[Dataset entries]
# # # #
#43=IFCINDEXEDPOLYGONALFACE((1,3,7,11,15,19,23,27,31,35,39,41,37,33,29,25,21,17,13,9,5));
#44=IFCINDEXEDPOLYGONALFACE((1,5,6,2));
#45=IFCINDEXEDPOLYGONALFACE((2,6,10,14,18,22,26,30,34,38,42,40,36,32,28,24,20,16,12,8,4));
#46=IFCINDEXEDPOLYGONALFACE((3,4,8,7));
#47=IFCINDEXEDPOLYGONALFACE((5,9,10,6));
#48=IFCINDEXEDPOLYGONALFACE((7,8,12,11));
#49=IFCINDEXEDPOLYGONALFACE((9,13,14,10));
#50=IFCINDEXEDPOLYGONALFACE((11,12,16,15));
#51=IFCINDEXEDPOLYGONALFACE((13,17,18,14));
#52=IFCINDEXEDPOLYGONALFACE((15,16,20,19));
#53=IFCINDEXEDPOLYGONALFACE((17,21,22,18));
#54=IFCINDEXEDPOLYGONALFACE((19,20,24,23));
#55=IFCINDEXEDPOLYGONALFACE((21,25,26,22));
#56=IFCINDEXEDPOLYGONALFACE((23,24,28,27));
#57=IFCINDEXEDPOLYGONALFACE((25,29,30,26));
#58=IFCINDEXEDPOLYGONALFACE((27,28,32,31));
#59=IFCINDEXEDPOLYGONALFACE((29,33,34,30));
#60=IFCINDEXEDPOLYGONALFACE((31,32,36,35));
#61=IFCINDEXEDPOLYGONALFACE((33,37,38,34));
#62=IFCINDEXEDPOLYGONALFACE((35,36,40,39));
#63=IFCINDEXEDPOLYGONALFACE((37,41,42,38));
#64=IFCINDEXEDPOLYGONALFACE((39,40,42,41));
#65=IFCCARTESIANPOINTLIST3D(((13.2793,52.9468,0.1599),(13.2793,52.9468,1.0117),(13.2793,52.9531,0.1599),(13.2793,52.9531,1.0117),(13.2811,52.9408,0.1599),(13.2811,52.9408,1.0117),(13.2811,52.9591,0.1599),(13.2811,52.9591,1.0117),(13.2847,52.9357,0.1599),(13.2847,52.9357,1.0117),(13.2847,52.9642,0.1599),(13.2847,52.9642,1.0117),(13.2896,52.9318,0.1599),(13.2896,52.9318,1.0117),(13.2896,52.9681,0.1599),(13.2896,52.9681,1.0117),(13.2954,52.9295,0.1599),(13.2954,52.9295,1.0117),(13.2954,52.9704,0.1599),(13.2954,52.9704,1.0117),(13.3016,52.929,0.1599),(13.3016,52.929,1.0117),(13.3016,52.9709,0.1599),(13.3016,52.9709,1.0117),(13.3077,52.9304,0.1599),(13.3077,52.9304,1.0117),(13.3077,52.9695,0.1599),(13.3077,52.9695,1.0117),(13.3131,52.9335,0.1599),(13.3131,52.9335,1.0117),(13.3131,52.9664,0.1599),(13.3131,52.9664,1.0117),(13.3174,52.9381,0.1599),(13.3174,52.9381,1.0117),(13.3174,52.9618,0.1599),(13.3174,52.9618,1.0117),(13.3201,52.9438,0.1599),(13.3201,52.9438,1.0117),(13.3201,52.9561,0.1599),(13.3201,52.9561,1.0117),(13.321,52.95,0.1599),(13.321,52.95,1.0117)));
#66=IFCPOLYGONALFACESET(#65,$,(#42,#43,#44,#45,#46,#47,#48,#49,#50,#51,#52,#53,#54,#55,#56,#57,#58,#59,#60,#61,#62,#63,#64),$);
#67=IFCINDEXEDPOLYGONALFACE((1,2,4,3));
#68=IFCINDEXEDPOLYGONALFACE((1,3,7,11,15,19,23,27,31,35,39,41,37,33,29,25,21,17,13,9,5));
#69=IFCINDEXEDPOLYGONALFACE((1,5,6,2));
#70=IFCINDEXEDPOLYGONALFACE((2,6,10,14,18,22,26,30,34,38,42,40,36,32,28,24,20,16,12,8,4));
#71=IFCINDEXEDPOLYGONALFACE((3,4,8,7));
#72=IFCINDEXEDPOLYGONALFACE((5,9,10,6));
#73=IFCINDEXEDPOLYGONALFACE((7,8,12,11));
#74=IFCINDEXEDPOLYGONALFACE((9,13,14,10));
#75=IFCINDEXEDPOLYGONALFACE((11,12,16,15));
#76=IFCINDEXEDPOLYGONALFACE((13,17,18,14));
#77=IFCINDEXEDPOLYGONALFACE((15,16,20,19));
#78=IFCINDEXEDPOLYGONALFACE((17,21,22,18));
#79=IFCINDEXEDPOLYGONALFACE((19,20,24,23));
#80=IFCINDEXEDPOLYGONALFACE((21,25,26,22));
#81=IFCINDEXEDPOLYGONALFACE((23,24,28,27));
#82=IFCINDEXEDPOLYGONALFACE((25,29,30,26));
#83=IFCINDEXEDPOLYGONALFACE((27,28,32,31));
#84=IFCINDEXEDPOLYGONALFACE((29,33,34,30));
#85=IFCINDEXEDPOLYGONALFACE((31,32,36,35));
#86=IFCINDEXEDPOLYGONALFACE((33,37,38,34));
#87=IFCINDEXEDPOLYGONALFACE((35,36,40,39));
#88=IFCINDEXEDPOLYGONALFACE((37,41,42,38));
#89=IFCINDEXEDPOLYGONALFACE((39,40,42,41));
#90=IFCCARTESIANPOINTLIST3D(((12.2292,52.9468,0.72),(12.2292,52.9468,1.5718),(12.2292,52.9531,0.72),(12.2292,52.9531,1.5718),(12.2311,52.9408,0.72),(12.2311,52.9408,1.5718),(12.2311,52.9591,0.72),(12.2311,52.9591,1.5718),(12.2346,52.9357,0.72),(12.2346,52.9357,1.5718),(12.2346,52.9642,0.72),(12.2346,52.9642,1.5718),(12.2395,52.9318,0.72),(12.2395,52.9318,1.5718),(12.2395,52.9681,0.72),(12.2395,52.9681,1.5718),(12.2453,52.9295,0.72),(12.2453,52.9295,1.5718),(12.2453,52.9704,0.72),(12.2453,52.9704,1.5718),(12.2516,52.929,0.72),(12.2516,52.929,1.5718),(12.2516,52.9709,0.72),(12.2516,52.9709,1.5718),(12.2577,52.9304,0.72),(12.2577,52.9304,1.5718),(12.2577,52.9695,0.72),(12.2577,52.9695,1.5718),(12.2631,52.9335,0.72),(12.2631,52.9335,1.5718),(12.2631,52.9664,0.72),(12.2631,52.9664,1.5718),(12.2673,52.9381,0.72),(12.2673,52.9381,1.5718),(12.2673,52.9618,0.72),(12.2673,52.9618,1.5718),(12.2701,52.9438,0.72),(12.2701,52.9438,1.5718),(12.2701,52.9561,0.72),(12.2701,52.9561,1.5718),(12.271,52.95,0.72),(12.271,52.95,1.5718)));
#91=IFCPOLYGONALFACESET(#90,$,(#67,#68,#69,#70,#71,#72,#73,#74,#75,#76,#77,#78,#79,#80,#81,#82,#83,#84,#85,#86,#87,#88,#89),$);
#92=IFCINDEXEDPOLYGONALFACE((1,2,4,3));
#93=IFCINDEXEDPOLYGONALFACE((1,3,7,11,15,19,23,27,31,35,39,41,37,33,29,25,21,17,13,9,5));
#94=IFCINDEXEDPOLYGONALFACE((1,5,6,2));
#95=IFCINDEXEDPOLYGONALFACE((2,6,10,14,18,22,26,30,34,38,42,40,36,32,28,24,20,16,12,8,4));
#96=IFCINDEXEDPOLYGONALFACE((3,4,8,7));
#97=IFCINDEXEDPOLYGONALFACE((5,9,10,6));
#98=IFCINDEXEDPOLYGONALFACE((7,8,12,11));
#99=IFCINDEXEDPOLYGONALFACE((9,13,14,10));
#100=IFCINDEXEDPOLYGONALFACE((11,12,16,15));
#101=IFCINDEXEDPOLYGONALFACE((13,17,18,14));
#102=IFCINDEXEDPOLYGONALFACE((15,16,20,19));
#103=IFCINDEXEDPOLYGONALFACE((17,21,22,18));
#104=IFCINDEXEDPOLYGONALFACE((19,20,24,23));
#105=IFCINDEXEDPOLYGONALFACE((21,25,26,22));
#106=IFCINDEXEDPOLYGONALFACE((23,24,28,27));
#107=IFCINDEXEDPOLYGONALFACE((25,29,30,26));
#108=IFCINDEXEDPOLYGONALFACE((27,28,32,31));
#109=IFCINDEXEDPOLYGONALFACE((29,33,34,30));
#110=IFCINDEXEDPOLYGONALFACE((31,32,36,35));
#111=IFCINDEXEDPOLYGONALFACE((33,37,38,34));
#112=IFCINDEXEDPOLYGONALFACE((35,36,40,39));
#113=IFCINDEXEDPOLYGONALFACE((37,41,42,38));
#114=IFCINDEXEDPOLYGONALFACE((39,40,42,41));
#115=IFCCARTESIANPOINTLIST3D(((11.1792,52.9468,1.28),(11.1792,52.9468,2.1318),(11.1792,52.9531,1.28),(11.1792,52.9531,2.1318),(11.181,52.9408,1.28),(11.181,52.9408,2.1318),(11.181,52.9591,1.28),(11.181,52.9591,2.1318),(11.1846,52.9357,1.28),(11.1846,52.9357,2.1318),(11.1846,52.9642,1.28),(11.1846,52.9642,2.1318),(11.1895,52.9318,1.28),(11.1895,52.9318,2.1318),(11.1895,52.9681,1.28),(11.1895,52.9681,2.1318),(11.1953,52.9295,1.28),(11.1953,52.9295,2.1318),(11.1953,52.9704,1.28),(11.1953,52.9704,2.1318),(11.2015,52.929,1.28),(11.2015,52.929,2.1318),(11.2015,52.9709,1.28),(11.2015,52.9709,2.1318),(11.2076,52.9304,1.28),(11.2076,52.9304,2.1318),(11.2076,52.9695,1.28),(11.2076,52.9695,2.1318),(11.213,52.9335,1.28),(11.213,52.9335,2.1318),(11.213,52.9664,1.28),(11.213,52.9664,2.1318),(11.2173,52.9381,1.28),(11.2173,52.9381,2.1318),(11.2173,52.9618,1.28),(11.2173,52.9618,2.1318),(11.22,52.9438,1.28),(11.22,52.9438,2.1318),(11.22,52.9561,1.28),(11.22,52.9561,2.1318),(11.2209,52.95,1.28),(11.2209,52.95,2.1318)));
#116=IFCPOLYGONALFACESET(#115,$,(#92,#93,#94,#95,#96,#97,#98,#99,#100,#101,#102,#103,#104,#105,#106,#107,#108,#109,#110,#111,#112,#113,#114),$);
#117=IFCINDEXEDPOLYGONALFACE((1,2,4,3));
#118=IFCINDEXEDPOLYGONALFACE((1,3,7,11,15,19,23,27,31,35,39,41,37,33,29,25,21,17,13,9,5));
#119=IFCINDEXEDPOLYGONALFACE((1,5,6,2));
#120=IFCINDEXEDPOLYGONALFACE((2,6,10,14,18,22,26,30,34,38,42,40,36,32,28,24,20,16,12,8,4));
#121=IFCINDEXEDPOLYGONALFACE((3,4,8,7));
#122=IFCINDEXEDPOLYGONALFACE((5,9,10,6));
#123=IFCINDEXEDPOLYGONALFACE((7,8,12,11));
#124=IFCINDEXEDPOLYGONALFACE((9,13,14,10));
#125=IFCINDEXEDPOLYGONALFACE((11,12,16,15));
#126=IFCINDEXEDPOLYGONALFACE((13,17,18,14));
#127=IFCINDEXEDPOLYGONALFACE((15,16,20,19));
# # # #
YOUR TASK: In the data above, start at the line that has "#57=IFCINDEXEDPOLYGONALFACE((25,29,30,26));", stop after the line that has "#64=IFCINDEXEDPOLYGONALFACE((39,40,42,41));", and print every line in between exactly as it stands.

REPLY:
#57=IFCINDEXEDPOLYGONALFACE((25,29,30,26));
#58=IFCINDEXEDPOLYGONALFACE((27,28,32,31));
#59=IFCINDEXEDPOLYGONALFACE((29,33,34,30));
#60=IFCINDEXEDPOLYGONALFACE((31,32,36,35));
#61=IFCINDEXEDPOLYGONALFACE((33,37,38,34));
#62=IFCINDEXEDPOLYGONALFACE((35,36,40,39));
#63=IFCINDEXEDPOLYGONALFACE((37,41,42,38));
#64=IFCINDEXEDPOLYGONALFACE((39,40,42,41));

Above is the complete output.